* What you will do: Please reproduce the entries below exactly, starting at the first line and ending with the line that holds "#198=IFCMATERIAL('Low-E laminated solar-control".

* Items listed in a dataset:
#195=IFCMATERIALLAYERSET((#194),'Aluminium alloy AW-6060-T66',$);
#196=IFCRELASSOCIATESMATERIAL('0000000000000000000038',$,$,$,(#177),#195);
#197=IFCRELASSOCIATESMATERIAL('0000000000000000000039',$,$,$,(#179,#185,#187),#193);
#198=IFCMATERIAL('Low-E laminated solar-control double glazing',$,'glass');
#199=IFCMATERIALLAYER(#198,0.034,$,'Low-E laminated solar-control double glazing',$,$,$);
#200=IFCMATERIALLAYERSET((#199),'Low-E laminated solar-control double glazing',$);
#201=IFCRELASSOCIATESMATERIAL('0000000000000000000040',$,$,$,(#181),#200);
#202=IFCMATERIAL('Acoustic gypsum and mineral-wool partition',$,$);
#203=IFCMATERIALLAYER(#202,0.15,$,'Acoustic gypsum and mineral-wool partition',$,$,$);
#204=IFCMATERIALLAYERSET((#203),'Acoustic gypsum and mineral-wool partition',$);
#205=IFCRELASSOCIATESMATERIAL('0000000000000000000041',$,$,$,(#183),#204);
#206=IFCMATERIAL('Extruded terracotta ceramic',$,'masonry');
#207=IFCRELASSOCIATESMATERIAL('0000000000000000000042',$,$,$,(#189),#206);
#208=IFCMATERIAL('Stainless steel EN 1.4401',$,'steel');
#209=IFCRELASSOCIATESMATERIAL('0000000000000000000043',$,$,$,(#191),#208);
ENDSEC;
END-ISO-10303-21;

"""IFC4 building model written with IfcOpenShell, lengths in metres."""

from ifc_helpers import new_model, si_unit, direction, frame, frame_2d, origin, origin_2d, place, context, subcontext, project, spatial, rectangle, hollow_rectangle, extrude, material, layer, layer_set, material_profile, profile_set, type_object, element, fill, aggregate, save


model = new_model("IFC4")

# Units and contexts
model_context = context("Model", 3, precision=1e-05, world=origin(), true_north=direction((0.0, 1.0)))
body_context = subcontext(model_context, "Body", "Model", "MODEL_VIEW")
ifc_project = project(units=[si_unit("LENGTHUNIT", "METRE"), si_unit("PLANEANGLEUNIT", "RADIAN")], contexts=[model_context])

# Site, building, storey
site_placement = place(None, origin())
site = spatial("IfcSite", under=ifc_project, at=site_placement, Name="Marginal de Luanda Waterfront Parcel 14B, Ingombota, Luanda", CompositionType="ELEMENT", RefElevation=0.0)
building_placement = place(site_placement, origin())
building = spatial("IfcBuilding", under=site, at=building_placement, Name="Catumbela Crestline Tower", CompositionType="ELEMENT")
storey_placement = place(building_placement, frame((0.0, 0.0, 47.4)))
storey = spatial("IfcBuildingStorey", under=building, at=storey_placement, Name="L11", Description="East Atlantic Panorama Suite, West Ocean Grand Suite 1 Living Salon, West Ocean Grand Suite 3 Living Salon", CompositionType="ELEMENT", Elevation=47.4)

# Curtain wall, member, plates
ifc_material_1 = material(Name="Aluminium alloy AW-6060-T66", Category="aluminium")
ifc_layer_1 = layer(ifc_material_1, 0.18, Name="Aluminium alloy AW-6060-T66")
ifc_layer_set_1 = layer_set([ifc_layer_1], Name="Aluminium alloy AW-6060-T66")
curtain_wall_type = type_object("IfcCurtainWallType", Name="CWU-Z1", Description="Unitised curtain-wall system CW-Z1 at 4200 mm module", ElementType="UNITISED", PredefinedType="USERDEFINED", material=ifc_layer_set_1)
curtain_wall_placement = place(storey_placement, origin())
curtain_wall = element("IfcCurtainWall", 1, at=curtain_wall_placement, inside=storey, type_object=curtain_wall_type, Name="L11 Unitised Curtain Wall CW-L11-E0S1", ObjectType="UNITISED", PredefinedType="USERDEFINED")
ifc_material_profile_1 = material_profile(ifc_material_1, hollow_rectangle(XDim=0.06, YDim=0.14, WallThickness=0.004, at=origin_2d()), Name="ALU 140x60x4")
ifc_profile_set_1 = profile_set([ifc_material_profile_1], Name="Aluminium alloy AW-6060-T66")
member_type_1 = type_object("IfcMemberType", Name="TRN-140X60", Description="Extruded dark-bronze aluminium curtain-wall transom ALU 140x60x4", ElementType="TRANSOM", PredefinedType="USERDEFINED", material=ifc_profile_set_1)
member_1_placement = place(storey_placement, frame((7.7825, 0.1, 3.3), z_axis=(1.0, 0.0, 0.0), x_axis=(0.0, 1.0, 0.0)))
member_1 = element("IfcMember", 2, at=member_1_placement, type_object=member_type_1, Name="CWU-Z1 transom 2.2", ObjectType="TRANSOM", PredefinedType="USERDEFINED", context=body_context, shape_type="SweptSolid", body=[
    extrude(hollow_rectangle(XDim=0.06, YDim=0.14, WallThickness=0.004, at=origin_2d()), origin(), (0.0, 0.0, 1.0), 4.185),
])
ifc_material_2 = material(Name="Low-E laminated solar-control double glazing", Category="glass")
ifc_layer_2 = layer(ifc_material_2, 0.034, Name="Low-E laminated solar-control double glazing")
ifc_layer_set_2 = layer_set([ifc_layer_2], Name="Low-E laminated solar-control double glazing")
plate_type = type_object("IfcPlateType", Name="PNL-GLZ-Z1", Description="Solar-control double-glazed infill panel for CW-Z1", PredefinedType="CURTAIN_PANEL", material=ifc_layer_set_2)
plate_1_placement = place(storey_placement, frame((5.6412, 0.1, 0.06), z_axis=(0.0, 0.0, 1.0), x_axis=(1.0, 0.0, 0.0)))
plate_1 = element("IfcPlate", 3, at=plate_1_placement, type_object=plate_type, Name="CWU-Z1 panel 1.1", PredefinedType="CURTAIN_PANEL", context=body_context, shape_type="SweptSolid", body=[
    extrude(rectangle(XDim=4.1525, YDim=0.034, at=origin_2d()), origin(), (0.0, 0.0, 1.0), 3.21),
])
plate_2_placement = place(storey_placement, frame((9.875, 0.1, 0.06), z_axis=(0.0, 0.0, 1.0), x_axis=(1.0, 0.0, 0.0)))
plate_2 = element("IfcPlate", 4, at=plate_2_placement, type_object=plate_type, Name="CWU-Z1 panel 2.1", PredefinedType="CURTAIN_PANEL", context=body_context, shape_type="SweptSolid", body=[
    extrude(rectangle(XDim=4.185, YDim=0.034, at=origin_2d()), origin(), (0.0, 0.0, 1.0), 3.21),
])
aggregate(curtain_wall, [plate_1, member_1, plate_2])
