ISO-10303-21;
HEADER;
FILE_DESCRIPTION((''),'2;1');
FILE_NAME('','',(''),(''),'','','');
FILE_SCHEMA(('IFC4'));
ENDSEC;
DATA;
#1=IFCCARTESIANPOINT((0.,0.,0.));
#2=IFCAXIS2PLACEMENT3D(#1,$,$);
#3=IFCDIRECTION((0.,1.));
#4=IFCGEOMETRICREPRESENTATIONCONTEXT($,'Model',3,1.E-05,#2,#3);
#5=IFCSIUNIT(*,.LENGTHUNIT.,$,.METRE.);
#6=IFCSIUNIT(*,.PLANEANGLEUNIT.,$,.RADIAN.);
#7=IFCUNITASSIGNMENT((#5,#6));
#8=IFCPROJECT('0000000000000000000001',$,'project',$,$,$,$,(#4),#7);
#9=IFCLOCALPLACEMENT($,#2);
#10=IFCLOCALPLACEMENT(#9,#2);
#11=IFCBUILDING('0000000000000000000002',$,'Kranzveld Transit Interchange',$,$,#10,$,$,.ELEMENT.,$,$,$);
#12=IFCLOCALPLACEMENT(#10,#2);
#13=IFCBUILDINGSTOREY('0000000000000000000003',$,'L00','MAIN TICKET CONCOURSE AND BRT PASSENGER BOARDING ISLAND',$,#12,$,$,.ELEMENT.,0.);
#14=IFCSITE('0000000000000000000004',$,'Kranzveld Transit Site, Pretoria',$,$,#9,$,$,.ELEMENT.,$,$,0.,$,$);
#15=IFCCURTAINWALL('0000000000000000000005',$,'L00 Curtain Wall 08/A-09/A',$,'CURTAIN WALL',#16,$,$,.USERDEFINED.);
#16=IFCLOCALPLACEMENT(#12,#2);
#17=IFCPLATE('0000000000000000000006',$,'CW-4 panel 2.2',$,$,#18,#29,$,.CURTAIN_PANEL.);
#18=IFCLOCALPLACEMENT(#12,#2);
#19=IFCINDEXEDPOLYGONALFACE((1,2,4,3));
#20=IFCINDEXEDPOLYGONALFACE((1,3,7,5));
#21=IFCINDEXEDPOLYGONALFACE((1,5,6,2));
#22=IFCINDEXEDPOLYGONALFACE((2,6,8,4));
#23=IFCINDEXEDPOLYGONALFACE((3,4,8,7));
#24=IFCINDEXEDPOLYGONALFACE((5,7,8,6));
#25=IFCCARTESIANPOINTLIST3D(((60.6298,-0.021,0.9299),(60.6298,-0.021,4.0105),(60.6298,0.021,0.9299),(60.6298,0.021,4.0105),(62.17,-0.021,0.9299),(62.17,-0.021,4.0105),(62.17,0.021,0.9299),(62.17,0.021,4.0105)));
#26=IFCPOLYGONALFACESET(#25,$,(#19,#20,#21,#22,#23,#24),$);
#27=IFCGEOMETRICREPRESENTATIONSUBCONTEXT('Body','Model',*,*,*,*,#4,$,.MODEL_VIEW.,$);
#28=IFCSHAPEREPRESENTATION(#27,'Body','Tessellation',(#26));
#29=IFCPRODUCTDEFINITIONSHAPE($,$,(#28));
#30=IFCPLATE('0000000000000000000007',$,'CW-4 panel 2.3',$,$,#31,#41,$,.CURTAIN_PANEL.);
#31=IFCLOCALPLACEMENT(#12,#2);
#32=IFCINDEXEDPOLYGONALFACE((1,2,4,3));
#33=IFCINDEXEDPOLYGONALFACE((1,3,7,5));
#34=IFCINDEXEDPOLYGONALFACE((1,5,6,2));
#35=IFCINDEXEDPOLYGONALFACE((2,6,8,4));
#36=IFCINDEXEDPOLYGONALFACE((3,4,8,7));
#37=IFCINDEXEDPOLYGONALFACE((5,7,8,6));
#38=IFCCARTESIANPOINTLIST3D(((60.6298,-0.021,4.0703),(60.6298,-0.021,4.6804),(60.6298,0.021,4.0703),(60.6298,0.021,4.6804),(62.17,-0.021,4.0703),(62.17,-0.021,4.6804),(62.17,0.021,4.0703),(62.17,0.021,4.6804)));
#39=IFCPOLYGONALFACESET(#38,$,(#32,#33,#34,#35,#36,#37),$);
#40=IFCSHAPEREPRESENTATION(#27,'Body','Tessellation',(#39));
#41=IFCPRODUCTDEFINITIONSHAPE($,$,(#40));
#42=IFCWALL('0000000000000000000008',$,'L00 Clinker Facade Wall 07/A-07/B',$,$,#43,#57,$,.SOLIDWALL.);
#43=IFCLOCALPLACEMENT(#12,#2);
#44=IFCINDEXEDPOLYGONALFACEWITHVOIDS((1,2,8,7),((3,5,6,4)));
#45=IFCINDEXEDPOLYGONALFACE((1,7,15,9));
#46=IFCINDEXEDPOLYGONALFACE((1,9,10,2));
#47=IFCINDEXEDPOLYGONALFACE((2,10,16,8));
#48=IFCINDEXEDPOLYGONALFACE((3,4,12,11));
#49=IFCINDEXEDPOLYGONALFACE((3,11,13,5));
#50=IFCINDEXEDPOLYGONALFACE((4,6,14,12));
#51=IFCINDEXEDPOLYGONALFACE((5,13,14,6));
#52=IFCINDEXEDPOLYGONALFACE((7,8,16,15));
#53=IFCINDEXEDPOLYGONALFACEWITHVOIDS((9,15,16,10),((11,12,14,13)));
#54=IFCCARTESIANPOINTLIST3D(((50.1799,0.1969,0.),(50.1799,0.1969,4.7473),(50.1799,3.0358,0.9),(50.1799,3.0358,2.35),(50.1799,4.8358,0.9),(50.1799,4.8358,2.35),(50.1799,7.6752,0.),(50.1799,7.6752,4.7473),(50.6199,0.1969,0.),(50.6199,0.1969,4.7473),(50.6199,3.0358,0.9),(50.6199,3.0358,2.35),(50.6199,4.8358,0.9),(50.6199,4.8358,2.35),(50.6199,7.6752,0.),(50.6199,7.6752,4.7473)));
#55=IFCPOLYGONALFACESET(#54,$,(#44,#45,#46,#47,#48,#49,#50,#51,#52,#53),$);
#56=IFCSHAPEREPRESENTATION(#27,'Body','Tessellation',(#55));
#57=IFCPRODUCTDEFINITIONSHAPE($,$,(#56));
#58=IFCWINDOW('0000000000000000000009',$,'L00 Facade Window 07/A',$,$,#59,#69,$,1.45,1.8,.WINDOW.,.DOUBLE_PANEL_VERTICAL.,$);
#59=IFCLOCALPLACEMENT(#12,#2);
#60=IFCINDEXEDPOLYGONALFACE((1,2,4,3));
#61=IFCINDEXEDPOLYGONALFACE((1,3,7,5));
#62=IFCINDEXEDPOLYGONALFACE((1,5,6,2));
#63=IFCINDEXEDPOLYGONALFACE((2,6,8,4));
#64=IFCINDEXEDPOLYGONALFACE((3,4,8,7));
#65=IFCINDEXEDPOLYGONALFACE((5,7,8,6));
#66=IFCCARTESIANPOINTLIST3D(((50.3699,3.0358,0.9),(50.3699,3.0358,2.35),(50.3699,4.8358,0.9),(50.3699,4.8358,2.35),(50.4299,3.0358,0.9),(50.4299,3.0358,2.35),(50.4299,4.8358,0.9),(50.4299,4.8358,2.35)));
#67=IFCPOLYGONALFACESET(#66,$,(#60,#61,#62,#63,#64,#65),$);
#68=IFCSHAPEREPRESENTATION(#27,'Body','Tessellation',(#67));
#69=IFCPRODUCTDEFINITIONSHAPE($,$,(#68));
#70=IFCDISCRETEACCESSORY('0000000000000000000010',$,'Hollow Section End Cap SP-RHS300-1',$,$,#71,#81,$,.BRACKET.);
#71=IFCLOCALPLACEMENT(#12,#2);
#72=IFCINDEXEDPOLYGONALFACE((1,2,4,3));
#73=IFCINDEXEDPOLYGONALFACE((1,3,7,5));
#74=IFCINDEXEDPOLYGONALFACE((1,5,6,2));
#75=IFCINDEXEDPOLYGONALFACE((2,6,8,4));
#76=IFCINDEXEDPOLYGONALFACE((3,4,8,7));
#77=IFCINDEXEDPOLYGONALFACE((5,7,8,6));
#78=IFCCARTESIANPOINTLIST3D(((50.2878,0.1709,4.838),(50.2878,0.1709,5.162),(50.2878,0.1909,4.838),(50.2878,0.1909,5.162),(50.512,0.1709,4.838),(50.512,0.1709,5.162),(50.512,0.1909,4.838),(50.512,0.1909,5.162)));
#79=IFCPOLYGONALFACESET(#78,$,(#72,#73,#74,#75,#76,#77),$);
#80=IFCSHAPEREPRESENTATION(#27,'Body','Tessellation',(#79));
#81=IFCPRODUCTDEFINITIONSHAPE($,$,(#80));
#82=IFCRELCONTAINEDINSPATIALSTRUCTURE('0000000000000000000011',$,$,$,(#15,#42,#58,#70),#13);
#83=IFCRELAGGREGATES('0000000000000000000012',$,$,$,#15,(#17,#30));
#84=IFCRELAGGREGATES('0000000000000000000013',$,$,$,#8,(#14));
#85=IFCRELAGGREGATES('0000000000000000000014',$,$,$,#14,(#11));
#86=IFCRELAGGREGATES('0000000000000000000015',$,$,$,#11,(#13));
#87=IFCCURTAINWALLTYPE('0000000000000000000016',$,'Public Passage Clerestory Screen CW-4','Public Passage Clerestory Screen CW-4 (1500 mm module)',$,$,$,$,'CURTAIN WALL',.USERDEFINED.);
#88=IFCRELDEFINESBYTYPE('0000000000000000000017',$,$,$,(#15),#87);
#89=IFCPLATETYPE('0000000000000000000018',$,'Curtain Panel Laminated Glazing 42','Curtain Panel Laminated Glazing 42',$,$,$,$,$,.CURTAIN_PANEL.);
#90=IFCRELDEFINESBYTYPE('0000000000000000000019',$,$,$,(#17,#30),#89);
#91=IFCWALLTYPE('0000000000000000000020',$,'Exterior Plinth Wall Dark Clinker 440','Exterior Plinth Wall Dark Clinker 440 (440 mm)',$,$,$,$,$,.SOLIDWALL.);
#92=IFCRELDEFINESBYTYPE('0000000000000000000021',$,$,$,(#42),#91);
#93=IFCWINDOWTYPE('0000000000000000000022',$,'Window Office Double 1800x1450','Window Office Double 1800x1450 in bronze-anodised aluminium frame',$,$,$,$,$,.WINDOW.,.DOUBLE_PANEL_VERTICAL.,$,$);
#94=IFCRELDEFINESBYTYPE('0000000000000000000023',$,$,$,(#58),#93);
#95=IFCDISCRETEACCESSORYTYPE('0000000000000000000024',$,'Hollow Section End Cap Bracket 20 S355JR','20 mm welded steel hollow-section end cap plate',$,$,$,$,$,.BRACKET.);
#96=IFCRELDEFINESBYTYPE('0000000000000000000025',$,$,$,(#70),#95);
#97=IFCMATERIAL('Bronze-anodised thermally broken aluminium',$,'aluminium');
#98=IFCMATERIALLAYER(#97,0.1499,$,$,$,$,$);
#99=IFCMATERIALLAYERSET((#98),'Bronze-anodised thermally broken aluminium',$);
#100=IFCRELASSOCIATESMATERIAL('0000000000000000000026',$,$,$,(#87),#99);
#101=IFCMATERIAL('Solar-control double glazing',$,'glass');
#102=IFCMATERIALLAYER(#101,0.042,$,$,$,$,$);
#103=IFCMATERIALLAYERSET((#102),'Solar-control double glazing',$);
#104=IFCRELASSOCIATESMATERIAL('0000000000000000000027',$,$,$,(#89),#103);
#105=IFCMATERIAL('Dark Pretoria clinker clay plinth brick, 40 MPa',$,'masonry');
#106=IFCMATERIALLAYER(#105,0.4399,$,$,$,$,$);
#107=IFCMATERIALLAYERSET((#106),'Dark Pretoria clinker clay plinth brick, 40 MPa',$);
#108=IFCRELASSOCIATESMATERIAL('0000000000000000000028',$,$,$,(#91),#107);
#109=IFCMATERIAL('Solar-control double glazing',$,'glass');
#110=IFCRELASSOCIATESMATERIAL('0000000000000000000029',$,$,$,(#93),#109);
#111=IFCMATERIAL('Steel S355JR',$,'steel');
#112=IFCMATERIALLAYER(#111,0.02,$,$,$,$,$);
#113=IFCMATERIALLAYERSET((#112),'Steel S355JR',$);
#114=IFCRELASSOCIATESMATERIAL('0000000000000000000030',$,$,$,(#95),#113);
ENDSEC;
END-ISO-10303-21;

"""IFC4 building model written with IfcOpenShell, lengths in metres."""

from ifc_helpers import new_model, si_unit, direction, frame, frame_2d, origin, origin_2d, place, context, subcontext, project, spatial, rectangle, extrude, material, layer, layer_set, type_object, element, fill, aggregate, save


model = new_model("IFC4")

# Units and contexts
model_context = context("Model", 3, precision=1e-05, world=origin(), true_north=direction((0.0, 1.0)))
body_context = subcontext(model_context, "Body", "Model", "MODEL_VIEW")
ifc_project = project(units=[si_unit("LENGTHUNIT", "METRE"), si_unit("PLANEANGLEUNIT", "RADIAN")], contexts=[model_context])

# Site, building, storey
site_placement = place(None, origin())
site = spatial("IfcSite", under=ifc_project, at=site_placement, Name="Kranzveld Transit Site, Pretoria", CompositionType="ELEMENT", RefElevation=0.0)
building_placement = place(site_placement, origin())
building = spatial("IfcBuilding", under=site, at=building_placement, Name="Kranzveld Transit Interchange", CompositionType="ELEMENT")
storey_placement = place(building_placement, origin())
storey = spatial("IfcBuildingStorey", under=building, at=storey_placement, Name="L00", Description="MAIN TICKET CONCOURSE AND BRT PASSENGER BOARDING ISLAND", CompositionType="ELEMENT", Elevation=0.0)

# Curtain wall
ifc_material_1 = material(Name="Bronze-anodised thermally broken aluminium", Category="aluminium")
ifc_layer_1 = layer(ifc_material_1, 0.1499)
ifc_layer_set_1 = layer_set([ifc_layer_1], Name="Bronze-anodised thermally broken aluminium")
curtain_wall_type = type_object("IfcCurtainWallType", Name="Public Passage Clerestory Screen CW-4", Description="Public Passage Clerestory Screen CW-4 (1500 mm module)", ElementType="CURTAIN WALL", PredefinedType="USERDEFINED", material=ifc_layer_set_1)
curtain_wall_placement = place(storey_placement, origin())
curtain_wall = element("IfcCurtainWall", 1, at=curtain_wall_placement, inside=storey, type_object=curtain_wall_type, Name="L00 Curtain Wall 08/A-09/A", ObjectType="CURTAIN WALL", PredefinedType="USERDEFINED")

* Finished task:
#195=IFCMATERIALLAYERSET((#194),'Aluminium alloy AW-6060-T66',$);
#196=IFCRELASSOCIATESMATERIAL('0000000000000000000038',$,$,$,(#177),#195);
#197=IFCRELASSOCIATESMATERIAL('0000000000000000000039',$,$,$,(#179,#185,#187),#193);
#198=IFCMATERIAL('Low-E laminated solar-control double glazing',$,'glass');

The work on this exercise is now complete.